**To do**
Which lines in the data below contain the word "Tessellation"? Return each of them.

**Data shown**

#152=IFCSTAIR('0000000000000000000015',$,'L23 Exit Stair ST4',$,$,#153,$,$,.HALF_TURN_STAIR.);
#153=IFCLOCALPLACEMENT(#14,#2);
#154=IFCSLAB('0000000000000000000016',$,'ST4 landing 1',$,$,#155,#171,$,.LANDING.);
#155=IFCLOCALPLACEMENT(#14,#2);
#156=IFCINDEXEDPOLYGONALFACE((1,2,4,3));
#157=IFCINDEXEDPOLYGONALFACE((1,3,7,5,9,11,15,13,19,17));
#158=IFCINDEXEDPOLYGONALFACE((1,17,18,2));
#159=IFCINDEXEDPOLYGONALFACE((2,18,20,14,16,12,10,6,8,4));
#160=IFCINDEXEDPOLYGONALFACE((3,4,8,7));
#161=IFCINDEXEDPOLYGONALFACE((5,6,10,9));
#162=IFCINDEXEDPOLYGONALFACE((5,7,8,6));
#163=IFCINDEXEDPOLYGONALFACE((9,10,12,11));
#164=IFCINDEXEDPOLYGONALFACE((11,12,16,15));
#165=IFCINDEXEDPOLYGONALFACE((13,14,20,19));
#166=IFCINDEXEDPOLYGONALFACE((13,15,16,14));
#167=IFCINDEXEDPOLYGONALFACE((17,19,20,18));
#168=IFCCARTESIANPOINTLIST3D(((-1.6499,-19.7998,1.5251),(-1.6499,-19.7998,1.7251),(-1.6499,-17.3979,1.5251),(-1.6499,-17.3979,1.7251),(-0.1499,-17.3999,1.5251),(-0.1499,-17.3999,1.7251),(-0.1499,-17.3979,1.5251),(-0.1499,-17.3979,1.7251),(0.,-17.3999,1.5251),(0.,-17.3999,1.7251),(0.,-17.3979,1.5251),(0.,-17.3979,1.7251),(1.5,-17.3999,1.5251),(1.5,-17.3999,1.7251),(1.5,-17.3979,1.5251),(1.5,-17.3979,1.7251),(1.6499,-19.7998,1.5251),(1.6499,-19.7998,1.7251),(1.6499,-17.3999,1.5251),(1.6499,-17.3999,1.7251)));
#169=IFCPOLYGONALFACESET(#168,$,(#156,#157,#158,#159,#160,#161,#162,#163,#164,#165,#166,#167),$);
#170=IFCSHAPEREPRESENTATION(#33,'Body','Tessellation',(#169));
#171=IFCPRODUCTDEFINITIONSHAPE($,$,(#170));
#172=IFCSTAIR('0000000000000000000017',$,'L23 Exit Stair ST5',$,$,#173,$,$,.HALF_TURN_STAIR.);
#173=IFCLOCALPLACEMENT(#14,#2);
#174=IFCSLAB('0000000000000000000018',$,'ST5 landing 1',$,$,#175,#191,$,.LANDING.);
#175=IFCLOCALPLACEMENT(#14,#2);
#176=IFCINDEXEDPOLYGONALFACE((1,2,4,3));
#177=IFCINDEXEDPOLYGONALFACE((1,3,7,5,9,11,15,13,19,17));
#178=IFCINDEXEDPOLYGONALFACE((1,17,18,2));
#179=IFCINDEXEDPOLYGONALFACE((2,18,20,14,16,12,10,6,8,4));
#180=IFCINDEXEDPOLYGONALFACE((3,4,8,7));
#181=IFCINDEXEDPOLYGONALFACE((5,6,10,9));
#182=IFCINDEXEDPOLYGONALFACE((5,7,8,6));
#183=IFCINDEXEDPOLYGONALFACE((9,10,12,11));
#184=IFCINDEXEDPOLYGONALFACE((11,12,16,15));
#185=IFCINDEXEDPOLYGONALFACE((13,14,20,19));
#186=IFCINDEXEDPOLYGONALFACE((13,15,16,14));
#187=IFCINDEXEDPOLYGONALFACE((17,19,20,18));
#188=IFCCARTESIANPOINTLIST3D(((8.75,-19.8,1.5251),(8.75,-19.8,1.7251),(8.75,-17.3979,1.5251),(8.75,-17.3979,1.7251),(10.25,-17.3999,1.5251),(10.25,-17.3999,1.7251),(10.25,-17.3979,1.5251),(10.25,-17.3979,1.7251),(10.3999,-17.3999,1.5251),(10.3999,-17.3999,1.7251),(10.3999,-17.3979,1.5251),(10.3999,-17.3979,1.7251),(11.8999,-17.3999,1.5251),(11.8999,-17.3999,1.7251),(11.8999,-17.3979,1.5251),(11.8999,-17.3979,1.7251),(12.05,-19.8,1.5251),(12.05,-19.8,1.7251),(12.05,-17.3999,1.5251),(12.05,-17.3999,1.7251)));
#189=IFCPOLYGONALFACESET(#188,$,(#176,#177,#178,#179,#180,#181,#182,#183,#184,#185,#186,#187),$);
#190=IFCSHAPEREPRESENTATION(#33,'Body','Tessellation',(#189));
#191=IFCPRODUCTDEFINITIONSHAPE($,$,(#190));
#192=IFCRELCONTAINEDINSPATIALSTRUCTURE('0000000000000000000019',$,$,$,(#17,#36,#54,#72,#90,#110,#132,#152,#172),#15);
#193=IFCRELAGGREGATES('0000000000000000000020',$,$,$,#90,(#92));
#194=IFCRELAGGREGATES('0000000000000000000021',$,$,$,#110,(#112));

**Exercise output**
#170=IFCSHAPEREPRESENTATION(#33,'Body','Tessellation',(#169));
#190=IFCSHAPEREPRESENTATION(#33,'Body','Tessellation',(#189));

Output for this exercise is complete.